## Task
Copy each line below containing "IFCRELASSOCIATESMATERIAL".

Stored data
>>>

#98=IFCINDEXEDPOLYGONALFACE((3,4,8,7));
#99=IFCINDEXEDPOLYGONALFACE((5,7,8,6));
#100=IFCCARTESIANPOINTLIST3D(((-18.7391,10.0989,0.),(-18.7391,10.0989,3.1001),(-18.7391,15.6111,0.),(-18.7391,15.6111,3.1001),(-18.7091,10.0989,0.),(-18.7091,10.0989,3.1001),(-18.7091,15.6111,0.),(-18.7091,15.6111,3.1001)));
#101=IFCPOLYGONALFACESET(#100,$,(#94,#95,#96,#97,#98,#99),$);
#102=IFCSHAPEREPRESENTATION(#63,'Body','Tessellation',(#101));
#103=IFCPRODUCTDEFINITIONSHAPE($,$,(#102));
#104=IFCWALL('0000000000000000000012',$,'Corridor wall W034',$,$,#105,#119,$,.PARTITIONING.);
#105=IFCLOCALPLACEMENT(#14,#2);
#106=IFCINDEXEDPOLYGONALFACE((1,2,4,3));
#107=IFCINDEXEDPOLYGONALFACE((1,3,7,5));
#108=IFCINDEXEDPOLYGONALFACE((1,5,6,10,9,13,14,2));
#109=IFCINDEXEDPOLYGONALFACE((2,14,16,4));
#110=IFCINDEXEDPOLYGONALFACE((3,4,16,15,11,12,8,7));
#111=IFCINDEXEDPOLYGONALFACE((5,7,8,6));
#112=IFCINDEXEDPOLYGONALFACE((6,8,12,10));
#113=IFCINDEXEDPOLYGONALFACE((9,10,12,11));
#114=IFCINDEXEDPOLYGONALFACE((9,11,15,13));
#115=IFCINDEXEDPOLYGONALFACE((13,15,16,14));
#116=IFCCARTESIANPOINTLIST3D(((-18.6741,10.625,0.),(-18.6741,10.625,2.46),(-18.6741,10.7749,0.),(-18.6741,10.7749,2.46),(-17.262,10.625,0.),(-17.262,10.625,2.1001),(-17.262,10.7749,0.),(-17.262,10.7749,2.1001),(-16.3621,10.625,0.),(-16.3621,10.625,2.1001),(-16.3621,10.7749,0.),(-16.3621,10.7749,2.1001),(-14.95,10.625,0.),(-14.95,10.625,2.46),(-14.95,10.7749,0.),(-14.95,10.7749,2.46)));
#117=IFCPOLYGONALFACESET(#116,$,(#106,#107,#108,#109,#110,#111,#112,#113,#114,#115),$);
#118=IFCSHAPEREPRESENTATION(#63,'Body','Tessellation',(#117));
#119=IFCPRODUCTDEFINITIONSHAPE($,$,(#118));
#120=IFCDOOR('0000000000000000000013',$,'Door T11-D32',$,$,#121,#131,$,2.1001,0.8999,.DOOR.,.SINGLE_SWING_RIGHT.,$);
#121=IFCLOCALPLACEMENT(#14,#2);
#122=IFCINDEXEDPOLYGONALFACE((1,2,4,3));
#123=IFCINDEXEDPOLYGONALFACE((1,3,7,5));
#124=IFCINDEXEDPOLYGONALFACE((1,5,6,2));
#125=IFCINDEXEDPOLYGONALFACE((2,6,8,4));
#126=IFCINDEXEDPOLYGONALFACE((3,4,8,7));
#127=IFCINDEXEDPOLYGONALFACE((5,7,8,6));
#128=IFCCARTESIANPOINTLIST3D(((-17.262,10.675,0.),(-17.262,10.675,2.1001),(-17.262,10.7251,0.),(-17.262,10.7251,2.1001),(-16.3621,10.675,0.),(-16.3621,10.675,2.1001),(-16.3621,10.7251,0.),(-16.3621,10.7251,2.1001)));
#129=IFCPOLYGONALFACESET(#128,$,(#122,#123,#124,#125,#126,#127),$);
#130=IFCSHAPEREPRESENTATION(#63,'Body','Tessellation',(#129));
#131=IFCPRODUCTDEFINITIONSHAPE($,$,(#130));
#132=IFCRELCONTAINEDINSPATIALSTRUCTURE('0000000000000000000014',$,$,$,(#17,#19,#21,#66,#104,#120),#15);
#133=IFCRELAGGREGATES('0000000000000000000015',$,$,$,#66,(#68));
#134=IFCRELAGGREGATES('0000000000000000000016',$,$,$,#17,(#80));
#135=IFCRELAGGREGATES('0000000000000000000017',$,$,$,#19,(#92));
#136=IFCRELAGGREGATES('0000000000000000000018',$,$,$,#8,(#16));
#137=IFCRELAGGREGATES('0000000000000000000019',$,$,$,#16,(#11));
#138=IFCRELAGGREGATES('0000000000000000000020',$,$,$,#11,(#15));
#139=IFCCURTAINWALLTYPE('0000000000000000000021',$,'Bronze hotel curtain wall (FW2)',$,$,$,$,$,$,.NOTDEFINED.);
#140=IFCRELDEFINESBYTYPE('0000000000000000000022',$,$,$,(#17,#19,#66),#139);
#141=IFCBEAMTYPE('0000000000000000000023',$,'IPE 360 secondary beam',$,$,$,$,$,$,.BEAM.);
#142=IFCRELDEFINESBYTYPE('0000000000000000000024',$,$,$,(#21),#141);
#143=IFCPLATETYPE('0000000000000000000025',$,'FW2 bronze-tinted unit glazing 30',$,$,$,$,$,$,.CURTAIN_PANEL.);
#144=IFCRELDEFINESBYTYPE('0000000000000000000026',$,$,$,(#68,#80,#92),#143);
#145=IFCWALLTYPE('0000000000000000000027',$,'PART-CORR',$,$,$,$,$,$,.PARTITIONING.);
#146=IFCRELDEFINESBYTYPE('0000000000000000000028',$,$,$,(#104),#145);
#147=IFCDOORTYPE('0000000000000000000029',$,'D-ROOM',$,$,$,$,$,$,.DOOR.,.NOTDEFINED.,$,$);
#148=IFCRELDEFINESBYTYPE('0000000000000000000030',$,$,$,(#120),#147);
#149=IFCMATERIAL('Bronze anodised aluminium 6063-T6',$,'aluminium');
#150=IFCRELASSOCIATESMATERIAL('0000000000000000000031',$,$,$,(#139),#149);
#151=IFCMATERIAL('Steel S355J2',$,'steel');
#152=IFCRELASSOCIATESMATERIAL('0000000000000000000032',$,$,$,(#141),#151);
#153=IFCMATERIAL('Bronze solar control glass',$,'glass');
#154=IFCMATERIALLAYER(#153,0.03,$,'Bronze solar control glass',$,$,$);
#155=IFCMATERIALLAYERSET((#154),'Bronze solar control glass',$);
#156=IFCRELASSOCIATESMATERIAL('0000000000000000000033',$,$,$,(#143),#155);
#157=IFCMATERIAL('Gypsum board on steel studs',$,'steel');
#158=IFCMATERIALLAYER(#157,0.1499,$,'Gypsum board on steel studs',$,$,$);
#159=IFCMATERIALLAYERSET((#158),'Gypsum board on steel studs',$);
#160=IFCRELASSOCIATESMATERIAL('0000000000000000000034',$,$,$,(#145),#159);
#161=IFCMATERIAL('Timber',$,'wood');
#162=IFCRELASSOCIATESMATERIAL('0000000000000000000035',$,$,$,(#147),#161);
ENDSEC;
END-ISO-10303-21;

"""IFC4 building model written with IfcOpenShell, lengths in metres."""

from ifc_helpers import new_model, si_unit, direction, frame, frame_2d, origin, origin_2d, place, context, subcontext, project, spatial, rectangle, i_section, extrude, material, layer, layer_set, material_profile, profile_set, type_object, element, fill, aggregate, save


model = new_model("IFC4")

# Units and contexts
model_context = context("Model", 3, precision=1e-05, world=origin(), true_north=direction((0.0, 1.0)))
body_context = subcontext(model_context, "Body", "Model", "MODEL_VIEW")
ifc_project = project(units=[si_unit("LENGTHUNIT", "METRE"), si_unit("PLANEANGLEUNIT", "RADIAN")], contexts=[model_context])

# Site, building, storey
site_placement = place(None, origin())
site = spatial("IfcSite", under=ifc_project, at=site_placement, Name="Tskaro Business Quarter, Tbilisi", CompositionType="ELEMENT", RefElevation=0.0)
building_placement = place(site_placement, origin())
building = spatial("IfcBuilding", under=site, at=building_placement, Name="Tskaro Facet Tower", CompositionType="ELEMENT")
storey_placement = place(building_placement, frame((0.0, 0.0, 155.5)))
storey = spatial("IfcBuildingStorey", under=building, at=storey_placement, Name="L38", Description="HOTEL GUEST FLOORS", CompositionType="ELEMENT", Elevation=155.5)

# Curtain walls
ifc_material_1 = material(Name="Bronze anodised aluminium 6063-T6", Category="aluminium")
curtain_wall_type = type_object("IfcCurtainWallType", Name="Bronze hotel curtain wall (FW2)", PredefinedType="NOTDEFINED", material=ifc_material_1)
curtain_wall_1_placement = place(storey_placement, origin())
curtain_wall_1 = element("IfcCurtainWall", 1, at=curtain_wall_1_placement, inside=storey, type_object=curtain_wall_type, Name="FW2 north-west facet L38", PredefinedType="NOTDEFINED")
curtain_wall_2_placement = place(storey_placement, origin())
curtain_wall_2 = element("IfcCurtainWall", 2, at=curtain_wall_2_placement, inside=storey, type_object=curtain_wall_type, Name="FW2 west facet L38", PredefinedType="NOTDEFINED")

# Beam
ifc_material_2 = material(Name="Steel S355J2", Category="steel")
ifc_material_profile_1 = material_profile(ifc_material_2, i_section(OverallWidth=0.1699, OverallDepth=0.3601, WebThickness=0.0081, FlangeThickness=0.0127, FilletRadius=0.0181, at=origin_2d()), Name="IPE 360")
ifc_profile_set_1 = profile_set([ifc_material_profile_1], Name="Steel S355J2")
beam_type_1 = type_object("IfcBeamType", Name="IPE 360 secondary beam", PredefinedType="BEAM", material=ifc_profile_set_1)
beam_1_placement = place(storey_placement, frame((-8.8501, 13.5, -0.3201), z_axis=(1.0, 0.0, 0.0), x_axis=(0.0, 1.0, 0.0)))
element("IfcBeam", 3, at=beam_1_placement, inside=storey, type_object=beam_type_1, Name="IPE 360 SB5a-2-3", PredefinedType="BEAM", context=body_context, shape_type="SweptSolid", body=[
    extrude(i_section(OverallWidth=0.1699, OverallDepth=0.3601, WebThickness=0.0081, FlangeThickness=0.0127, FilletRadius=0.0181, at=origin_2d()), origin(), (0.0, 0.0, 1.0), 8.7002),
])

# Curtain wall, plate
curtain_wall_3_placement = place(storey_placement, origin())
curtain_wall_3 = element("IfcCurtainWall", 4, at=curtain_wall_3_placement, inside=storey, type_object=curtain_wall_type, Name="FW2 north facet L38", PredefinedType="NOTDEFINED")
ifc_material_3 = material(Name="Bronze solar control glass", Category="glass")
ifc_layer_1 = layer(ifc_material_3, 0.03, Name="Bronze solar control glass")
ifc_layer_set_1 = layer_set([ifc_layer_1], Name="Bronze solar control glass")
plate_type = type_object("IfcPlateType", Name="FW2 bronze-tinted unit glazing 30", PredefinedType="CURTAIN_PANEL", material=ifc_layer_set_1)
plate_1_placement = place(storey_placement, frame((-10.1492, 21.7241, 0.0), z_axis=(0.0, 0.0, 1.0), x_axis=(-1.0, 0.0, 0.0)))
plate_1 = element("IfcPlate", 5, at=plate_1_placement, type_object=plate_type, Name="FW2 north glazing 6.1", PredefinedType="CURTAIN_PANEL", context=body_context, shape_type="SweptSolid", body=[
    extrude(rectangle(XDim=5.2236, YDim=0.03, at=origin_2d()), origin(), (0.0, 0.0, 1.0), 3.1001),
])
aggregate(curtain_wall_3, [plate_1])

<<<

## Result of this task
#150=IFCRELASSOCIATESMATERIAL('0000000000000000000031',$,$,$,(#139),#149);
#152=IFCRELASSOCIATESMATERIAL('0000000000000000000032',$,$,$,(#141),#151);
#156=IFCRELASSOCIATESMATERIAL('0000000000000000000033',$,$,$,(#143),#155);
#160=IFCRELASSOCIATESMATERIAL('0000000000000000000034',$,$,$,(#145),#159);
#162=IFCRELASSOCIATESMATERIAL('0000000000000000000035',$,$,$,(#147),#161);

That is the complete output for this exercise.